Entries supplied: Begin

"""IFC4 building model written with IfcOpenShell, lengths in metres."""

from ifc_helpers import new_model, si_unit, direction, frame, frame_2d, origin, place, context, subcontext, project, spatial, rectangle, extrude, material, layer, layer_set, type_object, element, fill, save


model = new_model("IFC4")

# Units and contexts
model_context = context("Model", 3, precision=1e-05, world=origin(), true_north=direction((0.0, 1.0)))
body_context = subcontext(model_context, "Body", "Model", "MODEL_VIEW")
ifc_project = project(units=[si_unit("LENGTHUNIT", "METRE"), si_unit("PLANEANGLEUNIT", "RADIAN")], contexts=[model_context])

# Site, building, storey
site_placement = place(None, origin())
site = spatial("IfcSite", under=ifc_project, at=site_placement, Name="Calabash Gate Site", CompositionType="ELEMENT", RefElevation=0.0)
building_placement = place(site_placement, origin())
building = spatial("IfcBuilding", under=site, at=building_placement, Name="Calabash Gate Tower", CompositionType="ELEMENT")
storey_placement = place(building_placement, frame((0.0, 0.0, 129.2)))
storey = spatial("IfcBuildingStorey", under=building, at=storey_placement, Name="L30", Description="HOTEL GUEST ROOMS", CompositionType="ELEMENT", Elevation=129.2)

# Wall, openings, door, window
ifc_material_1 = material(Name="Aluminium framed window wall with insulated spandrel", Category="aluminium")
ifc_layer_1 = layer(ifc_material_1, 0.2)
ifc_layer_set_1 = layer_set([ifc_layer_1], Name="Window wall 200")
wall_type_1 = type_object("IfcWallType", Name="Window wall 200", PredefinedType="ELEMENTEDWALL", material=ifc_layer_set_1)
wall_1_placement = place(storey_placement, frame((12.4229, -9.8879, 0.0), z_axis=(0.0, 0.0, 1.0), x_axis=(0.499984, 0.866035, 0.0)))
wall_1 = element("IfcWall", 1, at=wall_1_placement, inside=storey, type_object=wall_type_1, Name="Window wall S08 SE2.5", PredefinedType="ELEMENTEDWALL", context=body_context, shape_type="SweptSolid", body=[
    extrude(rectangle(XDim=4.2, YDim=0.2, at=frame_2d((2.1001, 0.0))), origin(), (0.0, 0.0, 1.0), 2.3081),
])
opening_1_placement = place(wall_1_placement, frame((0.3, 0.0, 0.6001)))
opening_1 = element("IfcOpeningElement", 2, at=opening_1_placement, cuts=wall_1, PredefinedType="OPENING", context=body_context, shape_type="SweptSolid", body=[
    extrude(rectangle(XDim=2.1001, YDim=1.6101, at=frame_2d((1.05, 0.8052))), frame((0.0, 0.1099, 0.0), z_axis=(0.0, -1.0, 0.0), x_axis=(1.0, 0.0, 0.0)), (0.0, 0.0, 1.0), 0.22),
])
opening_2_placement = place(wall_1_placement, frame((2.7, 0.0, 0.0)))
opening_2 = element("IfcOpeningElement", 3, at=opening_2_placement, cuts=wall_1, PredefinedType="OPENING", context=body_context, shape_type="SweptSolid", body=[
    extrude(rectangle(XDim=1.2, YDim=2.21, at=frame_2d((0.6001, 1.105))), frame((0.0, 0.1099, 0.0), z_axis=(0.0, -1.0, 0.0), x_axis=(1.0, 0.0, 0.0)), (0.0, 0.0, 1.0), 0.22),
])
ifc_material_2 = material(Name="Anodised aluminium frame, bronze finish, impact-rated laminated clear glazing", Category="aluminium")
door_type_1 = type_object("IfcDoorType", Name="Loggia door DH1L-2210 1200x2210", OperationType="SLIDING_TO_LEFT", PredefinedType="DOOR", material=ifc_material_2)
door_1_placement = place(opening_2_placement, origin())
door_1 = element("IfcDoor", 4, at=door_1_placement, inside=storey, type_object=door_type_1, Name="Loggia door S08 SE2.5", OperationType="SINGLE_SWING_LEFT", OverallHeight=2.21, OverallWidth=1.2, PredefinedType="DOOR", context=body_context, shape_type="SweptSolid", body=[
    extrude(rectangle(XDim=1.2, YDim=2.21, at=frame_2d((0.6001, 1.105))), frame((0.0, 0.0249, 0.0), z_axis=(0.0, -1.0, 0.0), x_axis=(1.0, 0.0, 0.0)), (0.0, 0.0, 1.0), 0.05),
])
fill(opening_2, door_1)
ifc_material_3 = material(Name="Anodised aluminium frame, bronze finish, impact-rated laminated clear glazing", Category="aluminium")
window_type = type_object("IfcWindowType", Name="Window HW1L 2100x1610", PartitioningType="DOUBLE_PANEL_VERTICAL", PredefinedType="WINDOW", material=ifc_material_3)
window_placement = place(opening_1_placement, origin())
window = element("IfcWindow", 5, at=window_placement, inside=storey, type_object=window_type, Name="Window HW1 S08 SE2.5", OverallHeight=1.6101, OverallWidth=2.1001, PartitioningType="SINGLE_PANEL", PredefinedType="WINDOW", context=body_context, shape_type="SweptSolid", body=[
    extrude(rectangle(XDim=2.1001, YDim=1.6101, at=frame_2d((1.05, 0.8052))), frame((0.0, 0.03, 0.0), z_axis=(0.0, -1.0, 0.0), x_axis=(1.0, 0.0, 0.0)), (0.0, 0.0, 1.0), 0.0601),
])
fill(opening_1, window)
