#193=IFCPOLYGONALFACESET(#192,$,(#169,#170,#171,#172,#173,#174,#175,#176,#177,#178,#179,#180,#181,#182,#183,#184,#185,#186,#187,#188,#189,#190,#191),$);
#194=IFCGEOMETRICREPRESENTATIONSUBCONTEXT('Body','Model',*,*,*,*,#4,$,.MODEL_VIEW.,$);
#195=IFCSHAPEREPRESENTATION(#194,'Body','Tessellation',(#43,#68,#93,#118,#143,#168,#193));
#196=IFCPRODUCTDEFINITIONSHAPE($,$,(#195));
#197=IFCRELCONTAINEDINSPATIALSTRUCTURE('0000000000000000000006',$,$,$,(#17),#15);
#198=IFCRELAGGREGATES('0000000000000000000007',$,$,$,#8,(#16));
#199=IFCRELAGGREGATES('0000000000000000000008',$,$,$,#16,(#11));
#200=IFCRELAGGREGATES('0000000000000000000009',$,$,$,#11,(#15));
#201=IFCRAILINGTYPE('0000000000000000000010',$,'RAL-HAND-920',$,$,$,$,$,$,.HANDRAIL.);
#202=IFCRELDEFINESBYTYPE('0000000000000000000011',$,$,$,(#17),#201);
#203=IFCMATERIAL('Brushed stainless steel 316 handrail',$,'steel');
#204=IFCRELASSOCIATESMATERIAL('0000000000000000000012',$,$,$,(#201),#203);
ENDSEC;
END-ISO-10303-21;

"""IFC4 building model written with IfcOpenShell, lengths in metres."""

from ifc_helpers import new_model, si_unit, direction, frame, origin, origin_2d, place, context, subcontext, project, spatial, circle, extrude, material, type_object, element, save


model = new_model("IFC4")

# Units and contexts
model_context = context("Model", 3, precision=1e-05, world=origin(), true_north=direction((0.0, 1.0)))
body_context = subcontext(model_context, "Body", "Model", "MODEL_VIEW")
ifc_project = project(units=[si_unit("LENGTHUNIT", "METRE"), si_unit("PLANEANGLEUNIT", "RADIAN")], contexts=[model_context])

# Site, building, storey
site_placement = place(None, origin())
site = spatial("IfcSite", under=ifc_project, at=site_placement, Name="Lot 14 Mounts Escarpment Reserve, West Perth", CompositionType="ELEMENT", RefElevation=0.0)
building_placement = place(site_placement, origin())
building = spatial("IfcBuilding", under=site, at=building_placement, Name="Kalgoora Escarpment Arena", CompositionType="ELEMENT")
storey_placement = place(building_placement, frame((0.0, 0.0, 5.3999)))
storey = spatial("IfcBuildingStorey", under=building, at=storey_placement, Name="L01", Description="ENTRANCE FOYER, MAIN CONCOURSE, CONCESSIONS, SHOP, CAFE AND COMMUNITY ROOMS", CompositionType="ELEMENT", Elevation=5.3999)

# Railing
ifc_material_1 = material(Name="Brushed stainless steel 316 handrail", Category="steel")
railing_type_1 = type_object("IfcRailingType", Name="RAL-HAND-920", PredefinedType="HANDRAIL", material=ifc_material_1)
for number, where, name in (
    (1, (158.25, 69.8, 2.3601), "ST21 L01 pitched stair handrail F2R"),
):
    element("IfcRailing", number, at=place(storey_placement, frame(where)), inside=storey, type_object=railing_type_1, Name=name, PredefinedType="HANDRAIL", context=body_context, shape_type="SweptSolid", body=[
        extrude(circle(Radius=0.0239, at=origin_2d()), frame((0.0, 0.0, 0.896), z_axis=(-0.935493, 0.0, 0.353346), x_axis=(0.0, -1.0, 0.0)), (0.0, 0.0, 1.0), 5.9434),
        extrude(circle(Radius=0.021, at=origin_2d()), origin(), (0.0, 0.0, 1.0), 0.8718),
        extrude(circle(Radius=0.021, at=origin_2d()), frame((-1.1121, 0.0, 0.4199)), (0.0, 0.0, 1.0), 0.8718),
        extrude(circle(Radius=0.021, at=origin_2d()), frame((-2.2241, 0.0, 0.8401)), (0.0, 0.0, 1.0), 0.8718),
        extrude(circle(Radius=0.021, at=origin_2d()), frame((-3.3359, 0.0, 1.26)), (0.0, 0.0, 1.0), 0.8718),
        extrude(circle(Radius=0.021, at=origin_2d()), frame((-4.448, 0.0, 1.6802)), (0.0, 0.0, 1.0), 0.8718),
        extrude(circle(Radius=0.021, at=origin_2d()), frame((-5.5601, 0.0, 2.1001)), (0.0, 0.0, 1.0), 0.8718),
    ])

Entries supplied: End

### Description of the task
Scan the listing above, and wherever a line holds the string "IFCRELAGGREGATES", copy that line.

### Final answer
#198=IFCRELAGGREGATES('0000000000000000000007',$,$,$,#8,(#16));
#199=IFCRELAGGREGATES('0000000000000000000008',$,$,$,#16,(#11));
#200=IFCRELAGGREGATES('0000000000000000000009',$,$,$,#11,(#15));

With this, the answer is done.